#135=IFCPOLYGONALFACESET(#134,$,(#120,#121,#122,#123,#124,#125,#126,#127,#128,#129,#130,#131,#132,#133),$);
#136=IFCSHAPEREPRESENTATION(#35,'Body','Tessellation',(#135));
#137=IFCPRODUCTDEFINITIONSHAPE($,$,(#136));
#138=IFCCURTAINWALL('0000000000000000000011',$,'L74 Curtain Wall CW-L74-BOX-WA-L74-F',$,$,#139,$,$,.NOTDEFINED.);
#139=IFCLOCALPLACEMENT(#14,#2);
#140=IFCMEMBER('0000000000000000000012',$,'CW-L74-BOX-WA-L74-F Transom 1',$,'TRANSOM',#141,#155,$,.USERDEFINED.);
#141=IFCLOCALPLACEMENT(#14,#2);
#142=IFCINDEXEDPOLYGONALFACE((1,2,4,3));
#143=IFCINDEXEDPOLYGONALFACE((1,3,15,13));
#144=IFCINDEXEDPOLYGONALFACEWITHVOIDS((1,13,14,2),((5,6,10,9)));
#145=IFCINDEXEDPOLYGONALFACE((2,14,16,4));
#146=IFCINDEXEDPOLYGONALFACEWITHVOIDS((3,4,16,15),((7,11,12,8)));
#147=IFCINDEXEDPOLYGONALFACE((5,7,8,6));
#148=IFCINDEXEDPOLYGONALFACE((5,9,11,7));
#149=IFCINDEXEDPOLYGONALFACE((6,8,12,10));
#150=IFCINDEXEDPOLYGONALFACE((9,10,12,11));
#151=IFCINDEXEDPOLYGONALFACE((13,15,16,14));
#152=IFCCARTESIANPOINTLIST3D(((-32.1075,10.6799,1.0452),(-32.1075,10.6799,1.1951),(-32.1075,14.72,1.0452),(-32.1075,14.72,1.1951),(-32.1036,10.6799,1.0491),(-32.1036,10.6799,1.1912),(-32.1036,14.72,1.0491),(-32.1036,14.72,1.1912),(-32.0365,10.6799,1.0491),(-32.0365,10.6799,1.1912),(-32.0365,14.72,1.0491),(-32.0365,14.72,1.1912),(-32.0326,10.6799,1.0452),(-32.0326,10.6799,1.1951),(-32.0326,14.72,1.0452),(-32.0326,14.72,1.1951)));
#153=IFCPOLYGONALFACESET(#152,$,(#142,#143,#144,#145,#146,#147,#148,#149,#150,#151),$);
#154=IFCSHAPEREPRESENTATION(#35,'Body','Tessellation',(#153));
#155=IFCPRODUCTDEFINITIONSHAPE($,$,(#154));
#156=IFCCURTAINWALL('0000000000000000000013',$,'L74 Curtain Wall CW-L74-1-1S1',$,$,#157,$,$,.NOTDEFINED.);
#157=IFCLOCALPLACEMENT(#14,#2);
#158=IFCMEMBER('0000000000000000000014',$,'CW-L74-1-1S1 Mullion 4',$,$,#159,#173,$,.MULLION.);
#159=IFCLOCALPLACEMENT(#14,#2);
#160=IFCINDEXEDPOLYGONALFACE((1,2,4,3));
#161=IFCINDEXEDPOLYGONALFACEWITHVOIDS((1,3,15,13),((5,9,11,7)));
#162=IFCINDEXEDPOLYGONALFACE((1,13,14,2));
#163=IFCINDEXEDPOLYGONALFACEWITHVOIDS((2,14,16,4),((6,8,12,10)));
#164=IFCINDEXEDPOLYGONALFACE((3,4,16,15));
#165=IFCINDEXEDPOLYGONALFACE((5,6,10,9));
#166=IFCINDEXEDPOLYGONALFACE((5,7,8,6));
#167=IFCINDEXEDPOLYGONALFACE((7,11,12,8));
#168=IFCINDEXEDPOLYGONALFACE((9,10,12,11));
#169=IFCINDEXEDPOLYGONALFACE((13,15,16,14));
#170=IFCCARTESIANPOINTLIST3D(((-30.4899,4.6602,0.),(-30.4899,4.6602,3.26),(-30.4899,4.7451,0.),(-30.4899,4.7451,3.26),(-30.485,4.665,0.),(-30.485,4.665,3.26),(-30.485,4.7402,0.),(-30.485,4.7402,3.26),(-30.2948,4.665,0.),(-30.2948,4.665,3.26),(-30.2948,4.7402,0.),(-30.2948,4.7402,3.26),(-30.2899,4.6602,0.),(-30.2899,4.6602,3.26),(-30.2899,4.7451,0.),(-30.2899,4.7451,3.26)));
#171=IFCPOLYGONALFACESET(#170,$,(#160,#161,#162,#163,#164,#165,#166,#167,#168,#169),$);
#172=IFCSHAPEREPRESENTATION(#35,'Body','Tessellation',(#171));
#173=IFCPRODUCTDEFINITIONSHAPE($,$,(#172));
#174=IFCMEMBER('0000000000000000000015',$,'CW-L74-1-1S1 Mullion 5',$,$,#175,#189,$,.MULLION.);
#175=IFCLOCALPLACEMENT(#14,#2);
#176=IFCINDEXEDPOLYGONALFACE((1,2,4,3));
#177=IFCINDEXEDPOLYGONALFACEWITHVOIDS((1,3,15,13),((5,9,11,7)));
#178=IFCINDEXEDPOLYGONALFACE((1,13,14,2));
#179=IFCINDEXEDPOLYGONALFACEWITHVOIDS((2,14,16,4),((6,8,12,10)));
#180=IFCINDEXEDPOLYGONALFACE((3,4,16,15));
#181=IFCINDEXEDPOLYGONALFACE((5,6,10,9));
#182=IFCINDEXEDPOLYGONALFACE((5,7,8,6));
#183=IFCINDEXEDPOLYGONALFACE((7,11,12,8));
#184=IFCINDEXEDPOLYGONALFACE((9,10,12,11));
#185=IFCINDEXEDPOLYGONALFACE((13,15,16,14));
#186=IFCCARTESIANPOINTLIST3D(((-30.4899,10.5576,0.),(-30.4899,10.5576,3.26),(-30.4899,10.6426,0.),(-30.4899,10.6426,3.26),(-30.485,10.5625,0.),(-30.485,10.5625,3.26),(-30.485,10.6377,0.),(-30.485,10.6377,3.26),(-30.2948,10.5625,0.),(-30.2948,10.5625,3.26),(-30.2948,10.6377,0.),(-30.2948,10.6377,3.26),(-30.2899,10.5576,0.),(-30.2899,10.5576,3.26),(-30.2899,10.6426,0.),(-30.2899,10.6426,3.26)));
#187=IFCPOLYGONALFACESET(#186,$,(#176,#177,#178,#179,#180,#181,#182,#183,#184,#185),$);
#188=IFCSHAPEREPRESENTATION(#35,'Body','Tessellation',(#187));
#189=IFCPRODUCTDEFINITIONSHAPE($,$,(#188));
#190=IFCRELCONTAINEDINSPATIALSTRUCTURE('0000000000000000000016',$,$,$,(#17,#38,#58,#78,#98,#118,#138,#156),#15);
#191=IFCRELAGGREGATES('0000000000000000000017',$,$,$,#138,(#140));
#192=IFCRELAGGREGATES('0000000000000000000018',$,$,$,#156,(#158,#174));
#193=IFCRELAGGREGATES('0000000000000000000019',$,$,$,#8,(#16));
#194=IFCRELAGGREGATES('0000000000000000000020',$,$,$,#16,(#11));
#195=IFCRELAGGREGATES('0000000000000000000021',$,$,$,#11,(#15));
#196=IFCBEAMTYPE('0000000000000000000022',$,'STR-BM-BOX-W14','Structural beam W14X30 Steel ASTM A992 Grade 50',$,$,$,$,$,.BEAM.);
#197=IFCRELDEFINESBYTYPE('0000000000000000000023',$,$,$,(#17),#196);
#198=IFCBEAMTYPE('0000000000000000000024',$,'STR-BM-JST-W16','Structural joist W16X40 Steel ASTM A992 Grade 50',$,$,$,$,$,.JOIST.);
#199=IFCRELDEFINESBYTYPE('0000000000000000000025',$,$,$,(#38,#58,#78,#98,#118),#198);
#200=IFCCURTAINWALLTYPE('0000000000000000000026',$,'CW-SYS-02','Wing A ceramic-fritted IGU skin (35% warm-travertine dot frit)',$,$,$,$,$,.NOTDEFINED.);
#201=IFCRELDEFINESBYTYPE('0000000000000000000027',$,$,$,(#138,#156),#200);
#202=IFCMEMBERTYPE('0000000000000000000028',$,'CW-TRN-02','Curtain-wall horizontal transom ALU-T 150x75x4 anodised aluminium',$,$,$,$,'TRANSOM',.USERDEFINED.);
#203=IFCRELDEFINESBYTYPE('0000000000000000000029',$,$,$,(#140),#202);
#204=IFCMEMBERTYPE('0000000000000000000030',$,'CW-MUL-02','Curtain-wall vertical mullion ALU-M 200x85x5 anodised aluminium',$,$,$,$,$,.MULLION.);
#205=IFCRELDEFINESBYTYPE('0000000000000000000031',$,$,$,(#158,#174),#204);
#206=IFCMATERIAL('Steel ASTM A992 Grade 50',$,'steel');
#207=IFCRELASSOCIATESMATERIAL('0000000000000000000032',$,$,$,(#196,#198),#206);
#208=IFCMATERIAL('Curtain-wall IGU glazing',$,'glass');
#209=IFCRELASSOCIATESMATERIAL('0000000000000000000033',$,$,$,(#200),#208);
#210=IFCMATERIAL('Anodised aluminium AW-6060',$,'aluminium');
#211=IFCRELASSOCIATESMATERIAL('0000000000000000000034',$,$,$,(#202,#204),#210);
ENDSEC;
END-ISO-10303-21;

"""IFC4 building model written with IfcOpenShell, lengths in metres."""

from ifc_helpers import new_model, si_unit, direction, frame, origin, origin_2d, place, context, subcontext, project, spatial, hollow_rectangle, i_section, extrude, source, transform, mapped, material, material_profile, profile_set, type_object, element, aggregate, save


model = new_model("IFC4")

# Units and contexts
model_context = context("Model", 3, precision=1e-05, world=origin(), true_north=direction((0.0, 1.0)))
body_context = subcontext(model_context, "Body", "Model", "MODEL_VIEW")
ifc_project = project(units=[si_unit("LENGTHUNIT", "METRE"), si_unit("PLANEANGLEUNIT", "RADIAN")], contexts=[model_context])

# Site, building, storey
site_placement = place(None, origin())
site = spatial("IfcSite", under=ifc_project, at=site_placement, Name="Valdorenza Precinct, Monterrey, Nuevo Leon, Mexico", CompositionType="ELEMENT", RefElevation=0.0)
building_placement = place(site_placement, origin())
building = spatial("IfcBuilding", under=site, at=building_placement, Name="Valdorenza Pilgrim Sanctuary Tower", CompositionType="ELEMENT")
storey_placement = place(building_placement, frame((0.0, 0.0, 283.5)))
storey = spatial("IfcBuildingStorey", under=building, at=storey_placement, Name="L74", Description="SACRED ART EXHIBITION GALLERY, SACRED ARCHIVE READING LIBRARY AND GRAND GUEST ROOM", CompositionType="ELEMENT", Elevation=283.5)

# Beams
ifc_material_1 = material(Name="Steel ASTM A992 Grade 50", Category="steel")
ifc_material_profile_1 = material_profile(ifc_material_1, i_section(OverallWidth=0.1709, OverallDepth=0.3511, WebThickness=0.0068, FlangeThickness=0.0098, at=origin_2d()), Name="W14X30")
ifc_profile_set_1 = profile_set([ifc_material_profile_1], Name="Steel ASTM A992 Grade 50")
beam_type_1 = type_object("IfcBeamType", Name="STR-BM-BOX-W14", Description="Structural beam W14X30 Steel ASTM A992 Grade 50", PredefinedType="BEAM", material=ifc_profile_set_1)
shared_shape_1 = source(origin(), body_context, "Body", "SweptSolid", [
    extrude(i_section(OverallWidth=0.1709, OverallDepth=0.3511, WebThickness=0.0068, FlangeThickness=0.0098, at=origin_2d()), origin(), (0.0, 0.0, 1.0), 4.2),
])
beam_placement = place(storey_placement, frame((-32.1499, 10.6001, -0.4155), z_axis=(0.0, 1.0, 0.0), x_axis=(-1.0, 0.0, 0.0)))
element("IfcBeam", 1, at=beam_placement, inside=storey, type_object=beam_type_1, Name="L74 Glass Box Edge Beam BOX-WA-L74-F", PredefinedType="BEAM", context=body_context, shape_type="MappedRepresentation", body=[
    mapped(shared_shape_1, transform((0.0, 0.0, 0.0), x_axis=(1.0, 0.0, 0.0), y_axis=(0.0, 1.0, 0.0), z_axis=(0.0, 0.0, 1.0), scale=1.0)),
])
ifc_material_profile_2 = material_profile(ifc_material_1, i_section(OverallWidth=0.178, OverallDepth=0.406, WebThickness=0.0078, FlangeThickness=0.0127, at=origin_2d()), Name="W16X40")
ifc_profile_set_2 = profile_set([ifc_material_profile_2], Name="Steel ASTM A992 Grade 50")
§
## WHAT YOU SHOULD DO
If a line above includes the string "subcontext", pick it out.

## SOLUTION
from ifc_helpers import new_model, si_unit, direction, frame, origin, origin_2d, place, context, subcontext, project, spatial, hollow_rectangle, i_section, extrude, source, transform, mapped, material, material_profile, profile_set, type_object, element, aggregate, save
body_context = subcontext(model_context, "Body", "Model", "MODEL_VIEW")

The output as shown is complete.